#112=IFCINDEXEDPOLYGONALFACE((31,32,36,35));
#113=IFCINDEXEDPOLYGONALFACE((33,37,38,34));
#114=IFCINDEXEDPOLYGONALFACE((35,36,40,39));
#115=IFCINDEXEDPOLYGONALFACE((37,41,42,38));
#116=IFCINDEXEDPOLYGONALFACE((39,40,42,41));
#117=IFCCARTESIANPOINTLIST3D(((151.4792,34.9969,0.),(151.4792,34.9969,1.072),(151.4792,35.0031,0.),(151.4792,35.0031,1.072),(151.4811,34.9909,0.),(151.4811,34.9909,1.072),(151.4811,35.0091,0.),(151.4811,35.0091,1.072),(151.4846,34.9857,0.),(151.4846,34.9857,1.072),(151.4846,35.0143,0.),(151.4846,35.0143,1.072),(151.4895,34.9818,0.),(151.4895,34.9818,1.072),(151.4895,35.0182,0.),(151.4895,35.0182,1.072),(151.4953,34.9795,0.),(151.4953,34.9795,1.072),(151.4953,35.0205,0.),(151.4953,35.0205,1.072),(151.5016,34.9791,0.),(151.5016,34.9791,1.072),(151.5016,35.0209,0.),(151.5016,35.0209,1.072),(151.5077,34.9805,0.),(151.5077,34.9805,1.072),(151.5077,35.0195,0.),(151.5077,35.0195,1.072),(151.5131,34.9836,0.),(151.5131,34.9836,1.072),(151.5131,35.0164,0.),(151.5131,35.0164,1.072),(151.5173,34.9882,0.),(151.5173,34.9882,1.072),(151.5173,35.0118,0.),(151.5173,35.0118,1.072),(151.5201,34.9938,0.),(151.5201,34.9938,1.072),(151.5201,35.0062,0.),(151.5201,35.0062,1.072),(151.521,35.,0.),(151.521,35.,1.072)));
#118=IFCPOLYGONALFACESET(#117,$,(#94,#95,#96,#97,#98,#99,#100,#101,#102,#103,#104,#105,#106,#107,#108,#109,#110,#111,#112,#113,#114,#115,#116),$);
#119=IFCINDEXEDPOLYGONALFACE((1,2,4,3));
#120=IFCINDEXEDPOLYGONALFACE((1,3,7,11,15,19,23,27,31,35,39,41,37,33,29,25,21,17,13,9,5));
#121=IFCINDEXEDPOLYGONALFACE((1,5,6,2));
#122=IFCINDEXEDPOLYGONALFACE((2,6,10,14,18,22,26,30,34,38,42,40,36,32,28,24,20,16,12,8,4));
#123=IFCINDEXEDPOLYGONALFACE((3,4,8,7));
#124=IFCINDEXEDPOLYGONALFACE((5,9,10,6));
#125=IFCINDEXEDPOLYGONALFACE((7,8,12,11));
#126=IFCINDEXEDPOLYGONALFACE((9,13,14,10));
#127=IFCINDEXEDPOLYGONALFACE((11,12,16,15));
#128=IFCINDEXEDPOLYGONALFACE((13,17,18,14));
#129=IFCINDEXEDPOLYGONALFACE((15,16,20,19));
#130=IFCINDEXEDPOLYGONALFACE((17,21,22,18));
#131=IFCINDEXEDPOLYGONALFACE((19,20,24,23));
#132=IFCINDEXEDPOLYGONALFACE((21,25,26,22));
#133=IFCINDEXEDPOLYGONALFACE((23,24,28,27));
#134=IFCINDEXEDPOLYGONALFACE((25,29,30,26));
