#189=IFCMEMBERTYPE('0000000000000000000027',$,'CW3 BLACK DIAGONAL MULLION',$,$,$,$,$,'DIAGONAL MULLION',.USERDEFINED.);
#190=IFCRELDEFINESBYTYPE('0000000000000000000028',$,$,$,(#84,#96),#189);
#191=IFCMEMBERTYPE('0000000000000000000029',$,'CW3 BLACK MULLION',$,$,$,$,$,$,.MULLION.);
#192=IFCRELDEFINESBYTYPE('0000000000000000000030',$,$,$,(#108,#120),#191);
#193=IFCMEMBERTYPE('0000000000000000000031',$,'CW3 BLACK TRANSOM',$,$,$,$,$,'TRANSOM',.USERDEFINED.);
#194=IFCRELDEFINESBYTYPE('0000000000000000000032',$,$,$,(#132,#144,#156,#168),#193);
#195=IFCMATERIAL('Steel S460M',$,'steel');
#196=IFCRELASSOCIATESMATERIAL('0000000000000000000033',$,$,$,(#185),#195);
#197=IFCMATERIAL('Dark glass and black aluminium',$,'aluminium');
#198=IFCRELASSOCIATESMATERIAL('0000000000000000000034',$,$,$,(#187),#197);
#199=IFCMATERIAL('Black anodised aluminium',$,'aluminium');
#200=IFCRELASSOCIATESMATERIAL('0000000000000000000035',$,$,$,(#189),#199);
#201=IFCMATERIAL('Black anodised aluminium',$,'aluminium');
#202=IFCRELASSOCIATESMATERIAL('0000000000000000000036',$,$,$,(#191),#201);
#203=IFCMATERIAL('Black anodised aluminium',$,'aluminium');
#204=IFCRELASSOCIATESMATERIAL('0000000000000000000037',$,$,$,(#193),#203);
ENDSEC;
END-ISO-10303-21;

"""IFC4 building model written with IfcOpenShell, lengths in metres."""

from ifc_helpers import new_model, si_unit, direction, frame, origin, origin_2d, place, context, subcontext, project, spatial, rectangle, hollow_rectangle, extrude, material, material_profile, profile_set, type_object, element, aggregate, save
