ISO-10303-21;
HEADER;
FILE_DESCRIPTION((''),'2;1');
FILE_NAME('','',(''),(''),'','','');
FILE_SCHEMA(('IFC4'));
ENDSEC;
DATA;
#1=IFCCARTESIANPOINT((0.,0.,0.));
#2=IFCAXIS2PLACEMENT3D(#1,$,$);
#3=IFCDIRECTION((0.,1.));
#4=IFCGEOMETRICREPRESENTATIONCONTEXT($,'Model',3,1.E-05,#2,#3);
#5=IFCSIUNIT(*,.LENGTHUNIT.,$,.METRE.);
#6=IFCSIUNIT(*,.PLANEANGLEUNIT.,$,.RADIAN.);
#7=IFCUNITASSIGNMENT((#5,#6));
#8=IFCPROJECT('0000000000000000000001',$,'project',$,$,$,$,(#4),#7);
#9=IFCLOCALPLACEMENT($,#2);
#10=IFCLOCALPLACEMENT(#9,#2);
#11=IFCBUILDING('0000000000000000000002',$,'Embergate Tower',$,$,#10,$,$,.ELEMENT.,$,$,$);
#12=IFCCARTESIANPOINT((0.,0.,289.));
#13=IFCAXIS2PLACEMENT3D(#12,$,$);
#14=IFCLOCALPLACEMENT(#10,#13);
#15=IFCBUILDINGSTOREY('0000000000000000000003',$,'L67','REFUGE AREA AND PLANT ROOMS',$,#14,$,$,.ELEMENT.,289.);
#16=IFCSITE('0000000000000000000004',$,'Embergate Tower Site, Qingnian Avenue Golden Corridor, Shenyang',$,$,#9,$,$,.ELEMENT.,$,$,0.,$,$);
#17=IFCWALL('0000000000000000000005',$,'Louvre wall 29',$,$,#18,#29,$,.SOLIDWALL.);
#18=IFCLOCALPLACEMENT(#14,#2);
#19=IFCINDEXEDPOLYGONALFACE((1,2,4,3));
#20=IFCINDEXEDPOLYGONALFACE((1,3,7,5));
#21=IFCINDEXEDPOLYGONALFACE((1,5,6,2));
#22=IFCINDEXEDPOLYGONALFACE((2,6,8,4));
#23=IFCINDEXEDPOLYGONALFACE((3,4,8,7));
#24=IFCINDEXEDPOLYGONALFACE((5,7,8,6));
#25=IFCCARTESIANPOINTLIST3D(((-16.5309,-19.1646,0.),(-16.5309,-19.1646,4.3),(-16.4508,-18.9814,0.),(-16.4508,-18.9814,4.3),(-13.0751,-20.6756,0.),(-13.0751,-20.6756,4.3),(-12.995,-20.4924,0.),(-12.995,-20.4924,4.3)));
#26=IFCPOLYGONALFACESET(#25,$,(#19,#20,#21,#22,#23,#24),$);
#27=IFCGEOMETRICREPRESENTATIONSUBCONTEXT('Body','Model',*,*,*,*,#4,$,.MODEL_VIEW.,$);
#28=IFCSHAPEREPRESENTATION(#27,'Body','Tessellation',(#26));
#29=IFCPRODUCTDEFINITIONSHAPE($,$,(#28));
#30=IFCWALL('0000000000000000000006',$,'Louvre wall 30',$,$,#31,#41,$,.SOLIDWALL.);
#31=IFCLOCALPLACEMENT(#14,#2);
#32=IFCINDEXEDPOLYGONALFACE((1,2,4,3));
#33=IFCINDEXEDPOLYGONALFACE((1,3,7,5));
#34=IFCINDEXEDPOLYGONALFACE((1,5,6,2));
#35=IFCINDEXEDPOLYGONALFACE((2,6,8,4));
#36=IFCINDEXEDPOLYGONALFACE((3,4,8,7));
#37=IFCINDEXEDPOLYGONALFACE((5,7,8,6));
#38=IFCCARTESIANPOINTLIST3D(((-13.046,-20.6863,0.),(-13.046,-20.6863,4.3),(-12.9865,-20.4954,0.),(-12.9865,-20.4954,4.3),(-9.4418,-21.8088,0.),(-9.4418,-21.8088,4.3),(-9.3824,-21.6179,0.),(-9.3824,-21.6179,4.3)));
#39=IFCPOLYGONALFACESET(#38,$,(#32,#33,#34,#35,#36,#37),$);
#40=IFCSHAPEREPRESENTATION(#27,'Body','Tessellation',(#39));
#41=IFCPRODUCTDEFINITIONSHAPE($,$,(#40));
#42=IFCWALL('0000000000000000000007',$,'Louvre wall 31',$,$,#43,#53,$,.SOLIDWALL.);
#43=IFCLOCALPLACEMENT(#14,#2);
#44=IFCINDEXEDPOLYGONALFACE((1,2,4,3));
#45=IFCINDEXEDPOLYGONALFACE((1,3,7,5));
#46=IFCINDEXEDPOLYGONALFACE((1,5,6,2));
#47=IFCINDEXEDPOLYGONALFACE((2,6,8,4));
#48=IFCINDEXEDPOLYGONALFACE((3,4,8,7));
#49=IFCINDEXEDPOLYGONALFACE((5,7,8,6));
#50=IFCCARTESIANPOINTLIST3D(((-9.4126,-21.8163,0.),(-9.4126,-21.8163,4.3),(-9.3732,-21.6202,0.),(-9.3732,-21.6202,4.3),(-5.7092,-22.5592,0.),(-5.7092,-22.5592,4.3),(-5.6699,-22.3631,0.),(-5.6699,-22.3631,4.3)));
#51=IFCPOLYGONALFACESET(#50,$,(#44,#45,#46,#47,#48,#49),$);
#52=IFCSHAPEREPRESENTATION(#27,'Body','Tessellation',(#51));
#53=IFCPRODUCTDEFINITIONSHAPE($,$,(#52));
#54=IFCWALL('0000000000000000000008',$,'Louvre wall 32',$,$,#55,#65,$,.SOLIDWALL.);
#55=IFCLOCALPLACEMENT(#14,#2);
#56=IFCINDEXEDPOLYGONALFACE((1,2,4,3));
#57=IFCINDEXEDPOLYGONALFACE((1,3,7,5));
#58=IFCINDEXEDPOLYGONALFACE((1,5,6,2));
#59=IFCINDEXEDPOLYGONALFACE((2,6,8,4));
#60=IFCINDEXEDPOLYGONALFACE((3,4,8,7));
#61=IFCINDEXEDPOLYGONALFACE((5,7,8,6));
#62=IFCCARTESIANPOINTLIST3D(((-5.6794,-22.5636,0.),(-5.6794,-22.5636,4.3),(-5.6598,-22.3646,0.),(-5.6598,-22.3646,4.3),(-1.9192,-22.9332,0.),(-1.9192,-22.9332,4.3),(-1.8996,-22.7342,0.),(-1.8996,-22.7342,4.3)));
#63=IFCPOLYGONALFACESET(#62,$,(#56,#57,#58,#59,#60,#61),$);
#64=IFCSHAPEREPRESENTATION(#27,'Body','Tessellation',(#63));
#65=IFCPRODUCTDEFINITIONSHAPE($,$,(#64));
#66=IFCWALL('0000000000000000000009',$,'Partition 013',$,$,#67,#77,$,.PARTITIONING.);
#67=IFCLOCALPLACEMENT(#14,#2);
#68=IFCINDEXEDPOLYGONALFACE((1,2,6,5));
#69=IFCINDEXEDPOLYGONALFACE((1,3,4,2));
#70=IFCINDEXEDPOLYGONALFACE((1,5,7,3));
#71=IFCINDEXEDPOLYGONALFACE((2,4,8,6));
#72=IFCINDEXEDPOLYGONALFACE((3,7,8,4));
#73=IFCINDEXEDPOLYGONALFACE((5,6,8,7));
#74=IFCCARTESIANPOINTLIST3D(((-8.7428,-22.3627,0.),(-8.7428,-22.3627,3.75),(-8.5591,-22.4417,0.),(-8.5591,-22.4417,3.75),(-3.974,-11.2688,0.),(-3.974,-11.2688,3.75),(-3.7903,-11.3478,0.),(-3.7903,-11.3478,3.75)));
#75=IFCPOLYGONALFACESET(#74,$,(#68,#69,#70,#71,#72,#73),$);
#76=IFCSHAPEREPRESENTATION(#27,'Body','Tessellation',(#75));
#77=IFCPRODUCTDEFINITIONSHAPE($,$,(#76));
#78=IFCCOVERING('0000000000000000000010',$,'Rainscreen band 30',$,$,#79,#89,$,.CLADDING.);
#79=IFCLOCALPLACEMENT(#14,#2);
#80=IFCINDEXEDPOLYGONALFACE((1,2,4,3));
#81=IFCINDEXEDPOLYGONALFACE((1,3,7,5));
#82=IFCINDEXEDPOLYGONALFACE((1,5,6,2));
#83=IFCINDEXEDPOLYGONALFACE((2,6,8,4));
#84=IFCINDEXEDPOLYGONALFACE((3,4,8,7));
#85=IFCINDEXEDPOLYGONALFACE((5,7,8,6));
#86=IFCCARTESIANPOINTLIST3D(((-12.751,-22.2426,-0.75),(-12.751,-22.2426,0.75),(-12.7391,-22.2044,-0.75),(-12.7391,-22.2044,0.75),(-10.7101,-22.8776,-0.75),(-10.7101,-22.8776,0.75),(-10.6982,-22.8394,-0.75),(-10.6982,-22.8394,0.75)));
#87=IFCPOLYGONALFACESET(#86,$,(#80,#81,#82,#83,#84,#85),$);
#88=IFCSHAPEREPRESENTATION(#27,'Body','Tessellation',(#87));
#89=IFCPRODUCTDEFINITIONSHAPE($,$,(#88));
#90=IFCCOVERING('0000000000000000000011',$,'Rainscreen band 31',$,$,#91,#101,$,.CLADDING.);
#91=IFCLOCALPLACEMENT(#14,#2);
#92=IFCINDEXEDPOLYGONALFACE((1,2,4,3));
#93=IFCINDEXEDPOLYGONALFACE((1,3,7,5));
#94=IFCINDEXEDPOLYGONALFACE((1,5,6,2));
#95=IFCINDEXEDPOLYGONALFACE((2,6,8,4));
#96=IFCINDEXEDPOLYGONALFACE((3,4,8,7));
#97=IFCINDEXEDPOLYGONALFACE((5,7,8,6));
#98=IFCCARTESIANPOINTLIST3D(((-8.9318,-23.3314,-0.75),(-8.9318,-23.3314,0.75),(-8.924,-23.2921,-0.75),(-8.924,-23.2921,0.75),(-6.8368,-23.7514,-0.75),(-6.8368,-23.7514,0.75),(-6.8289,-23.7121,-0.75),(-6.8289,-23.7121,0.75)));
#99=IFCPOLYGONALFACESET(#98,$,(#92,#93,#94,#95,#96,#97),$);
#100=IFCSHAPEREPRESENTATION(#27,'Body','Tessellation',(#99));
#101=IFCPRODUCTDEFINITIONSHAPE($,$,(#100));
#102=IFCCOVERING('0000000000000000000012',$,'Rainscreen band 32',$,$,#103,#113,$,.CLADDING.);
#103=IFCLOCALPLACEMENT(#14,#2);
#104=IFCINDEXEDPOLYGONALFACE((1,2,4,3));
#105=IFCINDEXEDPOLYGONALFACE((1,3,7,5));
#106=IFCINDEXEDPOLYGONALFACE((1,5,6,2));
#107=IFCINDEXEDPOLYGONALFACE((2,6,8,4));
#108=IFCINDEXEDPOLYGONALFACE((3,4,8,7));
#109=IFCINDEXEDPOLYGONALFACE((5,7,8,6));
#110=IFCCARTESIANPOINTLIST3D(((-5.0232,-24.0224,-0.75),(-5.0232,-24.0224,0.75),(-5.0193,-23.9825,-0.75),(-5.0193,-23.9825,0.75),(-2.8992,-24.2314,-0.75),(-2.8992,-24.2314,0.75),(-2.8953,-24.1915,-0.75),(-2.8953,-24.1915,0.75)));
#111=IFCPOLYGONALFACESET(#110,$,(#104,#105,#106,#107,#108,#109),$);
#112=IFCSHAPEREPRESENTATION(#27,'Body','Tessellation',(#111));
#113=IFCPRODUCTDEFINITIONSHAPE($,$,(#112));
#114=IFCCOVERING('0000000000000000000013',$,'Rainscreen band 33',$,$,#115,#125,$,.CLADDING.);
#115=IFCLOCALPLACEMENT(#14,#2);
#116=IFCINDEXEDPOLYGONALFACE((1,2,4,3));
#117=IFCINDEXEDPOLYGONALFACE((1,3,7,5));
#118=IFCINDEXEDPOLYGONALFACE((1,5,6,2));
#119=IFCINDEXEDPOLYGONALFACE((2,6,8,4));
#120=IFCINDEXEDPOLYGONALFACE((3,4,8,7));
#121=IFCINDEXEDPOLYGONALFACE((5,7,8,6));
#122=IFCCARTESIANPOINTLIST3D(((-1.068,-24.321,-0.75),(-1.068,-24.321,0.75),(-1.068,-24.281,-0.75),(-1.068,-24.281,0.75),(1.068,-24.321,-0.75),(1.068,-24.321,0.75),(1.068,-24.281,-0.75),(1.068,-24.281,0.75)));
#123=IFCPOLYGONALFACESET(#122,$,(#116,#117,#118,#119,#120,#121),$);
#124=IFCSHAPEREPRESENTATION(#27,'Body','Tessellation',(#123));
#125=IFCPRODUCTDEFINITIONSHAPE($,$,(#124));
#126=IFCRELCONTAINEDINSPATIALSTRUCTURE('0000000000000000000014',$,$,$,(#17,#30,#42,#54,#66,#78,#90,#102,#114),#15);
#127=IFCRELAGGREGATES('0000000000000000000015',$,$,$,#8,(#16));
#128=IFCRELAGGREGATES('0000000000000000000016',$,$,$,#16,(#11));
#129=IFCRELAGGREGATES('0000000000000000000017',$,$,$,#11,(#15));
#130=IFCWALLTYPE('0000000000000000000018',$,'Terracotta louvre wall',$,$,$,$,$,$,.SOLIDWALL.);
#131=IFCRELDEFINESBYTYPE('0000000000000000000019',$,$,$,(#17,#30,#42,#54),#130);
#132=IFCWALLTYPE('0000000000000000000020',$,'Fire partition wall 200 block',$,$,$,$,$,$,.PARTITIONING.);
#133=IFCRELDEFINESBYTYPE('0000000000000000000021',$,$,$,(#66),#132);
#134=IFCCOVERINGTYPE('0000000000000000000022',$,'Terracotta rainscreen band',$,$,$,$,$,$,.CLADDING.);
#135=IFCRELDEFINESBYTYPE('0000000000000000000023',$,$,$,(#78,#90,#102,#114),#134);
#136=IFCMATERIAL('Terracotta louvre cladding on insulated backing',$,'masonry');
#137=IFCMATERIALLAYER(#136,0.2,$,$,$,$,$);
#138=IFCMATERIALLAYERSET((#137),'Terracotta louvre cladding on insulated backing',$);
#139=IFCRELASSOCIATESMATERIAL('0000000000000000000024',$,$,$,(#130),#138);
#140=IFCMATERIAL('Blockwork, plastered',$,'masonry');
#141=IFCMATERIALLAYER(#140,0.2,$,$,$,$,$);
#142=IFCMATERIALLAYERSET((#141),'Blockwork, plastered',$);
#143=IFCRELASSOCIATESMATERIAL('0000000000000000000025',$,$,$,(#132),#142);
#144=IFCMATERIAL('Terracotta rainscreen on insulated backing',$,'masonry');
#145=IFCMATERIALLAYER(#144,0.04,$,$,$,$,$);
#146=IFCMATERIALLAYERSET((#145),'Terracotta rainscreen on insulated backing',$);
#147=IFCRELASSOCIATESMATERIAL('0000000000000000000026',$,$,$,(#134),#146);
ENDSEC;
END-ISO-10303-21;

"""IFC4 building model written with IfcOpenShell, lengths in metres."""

from ifc_helpers import new_model, si_unit, direction, frame, frame_2d, origin, origin_2d, place, context, subcontext, project, spatial, rectangle, extrude, source, transform, mapped, material, layer, layer_set, type_object, element, save


model = new_model("IFC4")

# Units and contexts
model_context = context("Model", 3, precision=1e-05, world=origin(), true_north=direction((0.0, 1.0)))
body_context = subcontext(model_context, "Body", "Model", "MODEL_VIEW")
ifc_project = project(units=[si_unit("LENGTHUNIT", "METRE"), si_unit("PLANEANGLEUNIT", "RADIAN")], contexts=[model_context])

# Site, building, storey
site_placement = place(None, origin())
site = spatial("IfcSite", under=ifc_project, at=site_placement, Name="Embergate Tower Site, Qingnian Avenue Golden Corridor, Shenyang", CompositionType="ELEMENT", RefElevation=0.0)
building_placement = place(site_placement, origin())
building = spatial("IfcBuilding", under=site, at=building_placement, Name="Embergate Tower", CompositionType="ELEMENT")
storey_placement = place(building_placement, frame((0.0, 0.0, 289.0)))
storey = spatial("IfcBuildingStorey", under=building, at=storey_placement, Name="L67", Description="REFUGE AREA AND PLANT ROOMS", CompositionType="ELEMENT", Elevation=289.0)

# Walls
ifc_material_1 = material(Name="Terracotta louvre cladding on insulated backing", Category="masonry")
ifc_layer_1 = layer(ifc_material_1, 0.2)
ifc_layer_set_1 = layer_set([ifc_layer_1], Name="Terracotta louvre cladding on insulated backing")
wall_type_1 = type_object("IfcWallType", Name="Terracotta louvre wall", PredefinedType="SOLIDWALL", material=ifc_layer_set_1)
shared_shape_1 = source(origin(), body_context, "Body", "SweptSolid", [
    extrude(rectangle(XDim=3.7717, YDim=0.2, at=frame_2d((1.8857, 0.0))), origin(), (0.0, 0.0, 1.0), 4.3),
])
wall_1_placement = place(storey_placement, frame((-13.0352, -20.584, 0.0), z_axis=(0.0, 0.0, 1.0), x_axis=(-0.916248, 0.400612, 0.0)))
element("IfcWall", 1, at=wall_1_placement, inside=storey, type_object=wall_type_1, Name="Louvre wall 29", PredefinedType="SOLIDWALL", context=body_context, shape_type="MappedRepresentation", body=[
    mapped(shared_shape_1, transform((0.0, 0.0, 0.0))),
])
shared_shape_2 = source(origin(), body_context, "Body", "SweptSolid", [
    extrude(rectangle(XDim=3.7749, YDim=0.2, at=frame_2d((1.8875, 0.0))), origin(), (0.0, 0.0, 1.0), 4.3),
])
wall_2_placement = place(storey_placement, frame((-9.4121, -21.7134, 0.0), z_axis=(0.0, 0.0, 1.0), x_axis=(-0.954764, 0.297365, 0.0)))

AIM OF THE TASK
What is needed is an exact copy of the lines above, from the one containing "#13=IFCAXIS2PLACEMENT3D(#12,$,$);" through the one containing "AND PLANT ROOMS',$,#14,$,$,.ELEMENT.,289.);", with nothing added.

OUTPUT OF THE TASK
#13=IFCAXIS2PLACEMENT3D(#12,$,$);
#14=IFCLOCALPLACEMENT(#10,#13);
#15=IFCBUILDINGSTOREY('0000000000000000000003',$,'L67','REFUGE AREA AND PLANT ROOMS',$,#14,$,$,.ELEMENT.,289.);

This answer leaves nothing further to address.